--- RECORDS FOR THE EXERCISE Enclosed Below ---
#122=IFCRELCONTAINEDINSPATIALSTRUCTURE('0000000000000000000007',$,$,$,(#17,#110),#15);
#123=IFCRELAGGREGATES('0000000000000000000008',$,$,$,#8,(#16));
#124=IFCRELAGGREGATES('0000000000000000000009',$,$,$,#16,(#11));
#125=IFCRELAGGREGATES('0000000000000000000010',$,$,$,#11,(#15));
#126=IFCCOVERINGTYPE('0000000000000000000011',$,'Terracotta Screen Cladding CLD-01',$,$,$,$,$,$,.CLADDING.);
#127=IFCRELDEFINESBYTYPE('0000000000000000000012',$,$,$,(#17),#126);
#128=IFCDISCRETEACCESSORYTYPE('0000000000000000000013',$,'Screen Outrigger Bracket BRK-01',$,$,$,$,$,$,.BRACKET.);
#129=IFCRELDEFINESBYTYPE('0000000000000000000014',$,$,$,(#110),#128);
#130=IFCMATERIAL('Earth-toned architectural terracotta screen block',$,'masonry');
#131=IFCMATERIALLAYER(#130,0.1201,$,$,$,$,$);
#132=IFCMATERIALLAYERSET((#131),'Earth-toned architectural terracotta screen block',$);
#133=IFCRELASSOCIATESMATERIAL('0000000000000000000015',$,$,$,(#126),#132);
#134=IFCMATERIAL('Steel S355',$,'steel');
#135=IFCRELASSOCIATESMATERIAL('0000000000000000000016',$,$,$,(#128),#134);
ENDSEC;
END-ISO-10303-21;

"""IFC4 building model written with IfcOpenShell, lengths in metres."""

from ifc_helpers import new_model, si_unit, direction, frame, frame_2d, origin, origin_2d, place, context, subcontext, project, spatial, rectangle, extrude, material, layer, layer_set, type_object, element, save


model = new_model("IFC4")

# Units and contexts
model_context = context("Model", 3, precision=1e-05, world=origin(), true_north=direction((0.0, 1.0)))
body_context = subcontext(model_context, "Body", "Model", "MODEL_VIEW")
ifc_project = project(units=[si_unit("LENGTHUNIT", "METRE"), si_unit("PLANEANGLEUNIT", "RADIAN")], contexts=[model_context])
--- End of Enclosed RECORDS FOR THE EXERCISE ---
Give again, word for word, the records from their first line to the one with "#130=IFCMATERIAL('Earth-toned architectural terracotta", and leave out all else.

#122=IFCRELCONTAINEDINSPATIALSTRUCTURE('0000000000000000000007',$,$,$,(#17,#110),#15);
#123=IFCRELAGGREGATES('0000000000000000000008',$,$,$,#8,(#16));
#124=IFCRELAGGREGATES('0000000000000000000009',$,$,$,#16,(#11));
#125=IFCRELAGGREGATES('0000000000000000000010',$,$,$,#11,(#15));
#126=IFCCOVERINGTYPE('0000000000000000000011',$,'Terracotta Screen Cladding CLD-01',$,$,$,$,$,$,.CLADDING.);
#127=IFCRELDEFINESBYTYPE('0000000000000000000012',$,$,$,(#17),#126);
#128=IFCDISCRETEACCESSORYTYPE('0000000000000000000013',$,'Screen Outrigger Bracket BRK-01',$,$,$,$,$,$,.BRACKET.);
#129=IFCRELDEFINESBYTYPE('0000000000000000000014',$,$,$,(#110),#128);
#130=IFCMATERIAL('Earth-toned architectural terracotta screen block',$,'masonry');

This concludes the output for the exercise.